### What is expected:
Identify all lines in the data containing the string "beam". Copy them out.

Stored items:
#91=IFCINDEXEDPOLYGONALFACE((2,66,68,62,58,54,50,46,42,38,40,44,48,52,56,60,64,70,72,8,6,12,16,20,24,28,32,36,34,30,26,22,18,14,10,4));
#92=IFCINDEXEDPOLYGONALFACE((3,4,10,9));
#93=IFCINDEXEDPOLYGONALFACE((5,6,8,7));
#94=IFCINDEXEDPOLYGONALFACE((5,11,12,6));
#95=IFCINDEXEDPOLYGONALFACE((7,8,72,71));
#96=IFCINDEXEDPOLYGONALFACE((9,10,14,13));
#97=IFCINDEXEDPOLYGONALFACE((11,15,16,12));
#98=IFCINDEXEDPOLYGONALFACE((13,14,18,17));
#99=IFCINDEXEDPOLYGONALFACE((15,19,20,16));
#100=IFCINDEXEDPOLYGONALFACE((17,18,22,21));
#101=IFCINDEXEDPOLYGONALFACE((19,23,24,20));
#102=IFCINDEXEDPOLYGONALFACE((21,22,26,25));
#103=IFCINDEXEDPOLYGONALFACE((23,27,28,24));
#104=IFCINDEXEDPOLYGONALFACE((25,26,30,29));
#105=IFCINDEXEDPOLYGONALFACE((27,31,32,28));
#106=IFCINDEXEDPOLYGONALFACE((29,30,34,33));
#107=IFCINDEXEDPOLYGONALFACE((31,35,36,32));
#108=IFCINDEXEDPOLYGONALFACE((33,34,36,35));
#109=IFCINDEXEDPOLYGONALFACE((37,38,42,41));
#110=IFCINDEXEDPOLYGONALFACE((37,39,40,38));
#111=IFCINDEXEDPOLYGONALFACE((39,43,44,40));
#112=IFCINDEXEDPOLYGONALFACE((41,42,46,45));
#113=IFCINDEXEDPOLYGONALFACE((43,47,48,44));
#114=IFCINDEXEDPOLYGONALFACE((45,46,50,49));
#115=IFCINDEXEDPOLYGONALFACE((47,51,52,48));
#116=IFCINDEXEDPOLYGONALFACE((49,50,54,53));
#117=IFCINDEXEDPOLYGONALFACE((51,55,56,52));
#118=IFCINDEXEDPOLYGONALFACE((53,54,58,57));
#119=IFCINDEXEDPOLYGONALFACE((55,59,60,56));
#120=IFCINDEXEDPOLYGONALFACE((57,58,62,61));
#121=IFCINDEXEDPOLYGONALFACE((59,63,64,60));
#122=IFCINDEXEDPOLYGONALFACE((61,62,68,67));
==
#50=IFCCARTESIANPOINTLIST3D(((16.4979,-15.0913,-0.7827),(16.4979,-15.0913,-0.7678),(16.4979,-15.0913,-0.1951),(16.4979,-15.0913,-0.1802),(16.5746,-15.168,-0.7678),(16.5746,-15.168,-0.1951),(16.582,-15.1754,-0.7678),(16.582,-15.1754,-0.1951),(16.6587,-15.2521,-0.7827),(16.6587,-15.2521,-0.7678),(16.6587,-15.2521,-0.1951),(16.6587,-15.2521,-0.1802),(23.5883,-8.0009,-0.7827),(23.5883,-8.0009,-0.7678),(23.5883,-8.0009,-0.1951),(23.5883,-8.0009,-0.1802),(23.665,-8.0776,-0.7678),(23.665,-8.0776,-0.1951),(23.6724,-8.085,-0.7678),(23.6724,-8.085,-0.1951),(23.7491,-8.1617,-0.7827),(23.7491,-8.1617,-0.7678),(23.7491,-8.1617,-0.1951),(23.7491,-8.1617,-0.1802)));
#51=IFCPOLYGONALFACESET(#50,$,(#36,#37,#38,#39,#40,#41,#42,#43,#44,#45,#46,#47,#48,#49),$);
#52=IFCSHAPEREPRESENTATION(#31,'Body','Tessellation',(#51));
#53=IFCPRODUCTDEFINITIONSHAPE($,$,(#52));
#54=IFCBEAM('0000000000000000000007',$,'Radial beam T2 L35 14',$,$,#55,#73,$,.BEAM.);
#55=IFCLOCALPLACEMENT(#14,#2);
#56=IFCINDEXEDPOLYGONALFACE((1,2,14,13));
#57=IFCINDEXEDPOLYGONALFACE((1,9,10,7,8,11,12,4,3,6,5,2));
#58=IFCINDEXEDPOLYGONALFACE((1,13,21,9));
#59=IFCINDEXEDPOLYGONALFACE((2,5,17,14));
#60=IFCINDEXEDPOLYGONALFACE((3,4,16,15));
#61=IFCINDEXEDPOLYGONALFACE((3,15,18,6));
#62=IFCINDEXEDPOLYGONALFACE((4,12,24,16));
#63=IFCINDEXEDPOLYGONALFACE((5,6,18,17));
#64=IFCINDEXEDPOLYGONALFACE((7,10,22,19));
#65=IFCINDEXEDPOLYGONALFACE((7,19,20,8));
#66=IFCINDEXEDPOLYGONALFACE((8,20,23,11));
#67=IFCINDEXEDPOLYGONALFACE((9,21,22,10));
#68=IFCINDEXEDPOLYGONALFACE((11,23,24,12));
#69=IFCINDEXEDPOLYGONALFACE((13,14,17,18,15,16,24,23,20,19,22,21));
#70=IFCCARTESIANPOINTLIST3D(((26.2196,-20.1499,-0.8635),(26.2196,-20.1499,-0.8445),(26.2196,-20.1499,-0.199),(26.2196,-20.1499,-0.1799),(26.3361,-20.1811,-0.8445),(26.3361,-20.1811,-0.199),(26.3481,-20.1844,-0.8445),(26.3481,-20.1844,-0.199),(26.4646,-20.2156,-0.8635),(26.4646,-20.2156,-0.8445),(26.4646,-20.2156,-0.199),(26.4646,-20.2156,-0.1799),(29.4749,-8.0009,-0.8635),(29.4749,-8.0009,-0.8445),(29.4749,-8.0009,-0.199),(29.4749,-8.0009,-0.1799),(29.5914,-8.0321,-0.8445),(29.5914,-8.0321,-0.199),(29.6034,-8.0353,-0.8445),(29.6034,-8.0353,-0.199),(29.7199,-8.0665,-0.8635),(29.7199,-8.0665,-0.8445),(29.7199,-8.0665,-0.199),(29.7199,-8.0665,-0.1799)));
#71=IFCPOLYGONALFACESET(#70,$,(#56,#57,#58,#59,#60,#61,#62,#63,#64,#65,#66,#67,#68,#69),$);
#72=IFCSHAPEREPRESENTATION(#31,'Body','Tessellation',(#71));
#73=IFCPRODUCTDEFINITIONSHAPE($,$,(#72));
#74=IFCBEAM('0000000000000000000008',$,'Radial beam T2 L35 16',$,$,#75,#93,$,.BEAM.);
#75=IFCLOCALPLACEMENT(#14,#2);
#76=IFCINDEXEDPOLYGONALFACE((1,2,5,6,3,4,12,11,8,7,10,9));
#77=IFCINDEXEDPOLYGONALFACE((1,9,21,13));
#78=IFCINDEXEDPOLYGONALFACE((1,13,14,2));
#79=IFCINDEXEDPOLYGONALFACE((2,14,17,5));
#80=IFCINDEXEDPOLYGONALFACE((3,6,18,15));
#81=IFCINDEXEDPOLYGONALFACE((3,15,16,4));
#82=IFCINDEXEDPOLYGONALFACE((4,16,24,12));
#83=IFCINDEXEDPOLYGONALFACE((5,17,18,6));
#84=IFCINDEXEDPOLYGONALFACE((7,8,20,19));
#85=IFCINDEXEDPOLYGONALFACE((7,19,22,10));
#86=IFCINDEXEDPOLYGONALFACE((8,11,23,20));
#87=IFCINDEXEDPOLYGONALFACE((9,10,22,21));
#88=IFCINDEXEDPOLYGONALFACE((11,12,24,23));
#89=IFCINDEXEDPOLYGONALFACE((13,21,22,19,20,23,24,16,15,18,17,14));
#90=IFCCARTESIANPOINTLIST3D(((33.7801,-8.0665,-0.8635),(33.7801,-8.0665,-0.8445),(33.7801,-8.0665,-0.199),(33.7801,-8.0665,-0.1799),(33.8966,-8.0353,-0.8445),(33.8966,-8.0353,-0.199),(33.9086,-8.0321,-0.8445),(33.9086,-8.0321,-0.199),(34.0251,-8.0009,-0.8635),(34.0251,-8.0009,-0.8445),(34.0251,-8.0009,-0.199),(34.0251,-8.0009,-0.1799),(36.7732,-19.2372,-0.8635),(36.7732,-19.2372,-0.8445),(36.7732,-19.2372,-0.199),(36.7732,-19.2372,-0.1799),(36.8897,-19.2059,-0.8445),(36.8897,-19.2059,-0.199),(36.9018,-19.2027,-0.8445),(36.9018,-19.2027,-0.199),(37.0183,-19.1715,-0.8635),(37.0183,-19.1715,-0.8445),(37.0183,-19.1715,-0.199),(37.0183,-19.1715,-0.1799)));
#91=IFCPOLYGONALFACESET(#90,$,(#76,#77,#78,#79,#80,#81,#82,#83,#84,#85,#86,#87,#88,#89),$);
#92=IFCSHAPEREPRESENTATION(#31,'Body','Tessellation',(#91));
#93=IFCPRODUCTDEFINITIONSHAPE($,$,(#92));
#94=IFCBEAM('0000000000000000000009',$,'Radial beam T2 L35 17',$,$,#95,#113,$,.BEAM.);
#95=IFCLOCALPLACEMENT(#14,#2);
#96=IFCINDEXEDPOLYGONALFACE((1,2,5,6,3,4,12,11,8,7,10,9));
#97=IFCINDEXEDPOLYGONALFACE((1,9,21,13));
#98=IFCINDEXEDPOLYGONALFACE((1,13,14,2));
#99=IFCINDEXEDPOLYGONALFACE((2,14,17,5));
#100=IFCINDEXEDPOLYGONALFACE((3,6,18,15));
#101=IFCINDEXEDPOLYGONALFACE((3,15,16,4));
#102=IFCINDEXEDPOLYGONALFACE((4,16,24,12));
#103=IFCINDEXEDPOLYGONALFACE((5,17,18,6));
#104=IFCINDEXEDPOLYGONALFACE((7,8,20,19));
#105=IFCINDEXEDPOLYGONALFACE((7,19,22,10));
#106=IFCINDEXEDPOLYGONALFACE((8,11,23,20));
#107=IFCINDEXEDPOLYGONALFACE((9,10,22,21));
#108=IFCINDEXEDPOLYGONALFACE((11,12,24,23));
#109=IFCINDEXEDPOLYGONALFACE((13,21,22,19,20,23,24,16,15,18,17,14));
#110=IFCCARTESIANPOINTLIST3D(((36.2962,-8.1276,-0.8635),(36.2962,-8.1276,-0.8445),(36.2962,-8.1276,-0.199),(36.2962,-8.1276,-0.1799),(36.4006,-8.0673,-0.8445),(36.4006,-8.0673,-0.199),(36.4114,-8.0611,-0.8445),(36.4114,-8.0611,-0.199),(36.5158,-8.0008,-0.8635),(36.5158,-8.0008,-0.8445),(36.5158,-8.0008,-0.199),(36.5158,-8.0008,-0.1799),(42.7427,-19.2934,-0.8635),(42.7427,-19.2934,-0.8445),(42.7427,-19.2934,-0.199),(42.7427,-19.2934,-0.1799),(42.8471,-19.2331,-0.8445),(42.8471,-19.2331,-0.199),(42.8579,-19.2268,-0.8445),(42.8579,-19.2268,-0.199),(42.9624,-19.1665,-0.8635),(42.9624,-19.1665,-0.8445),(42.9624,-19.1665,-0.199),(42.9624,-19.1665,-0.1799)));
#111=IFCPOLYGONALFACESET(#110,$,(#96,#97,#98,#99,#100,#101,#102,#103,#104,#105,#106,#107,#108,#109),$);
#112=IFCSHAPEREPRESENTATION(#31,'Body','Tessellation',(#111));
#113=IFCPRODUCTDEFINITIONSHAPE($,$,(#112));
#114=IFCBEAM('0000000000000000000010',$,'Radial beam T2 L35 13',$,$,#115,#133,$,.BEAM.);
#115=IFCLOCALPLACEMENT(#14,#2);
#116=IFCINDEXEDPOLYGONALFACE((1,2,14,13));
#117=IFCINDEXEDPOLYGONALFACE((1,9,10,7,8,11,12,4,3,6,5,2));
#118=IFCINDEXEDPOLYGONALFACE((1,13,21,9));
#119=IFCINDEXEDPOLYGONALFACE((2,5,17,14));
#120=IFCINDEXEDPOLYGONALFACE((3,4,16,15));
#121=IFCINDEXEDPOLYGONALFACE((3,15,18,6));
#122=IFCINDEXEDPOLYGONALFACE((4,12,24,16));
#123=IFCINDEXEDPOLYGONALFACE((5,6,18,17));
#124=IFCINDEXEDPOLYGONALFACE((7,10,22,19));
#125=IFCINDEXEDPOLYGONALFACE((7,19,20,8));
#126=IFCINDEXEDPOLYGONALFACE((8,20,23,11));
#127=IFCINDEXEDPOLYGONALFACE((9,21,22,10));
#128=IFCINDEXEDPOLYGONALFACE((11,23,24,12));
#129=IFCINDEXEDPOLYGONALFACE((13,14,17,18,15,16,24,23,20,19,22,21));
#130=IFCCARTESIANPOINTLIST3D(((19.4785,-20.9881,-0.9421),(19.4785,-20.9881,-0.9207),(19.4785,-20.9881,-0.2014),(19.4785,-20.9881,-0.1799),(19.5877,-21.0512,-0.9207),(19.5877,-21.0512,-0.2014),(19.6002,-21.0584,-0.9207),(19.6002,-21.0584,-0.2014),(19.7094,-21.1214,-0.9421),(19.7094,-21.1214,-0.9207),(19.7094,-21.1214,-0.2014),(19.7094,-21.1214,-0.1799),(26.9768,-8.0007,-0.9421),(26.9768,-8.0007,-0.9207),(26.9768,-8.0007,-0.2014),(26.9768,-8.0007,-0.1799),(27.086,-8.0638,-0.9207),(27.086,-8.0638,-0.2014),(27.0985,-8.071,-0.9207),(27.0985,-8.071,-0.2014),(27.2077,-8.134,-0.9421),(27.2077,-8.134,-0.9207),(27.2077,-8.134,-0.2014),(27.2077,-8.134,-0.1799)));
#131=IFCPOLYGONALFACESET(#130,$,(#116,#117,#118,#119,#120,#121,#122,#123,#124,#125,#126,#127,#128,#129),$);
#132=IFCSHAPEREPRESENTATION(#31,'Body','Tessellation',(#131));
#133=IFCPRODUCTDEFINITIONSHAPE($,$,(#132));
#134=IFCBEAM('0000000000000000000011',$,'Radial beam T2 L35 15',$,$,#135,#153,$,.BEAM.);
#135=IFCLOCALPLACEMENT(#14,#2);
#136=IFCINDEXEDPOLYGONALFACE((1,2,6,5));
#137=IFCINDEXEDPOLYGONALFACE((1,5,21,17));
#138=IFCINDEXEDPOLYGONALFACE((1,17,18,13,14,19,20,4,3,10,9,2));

### Task output:
#54=IFCBEAM('0000000000000000000007',$,'Radial beam T2 L35 14',$,$,#55,#73,$,.BEAM.);
#74=IFCBEAM('0000000000000000000008',$,'Radial beam T2 L35 16',$,$,#75,#93,$,.BEAM.);
#94=IFCBEAM('0000000000000000000009',$,'Radial beam T2 L35 17',$,$,#95,#113,$,.BEAM.);
#114=IFCBEAM('0000000000000000000010',$,'Radial beam T2 L35 13',$,$,#115,#133,$,.BEAM.);
#134=IFCBEAM('0000000000000000000011',$,'Radial beam T2 L35 15',$,$,#135,#153,$,.BEAM.);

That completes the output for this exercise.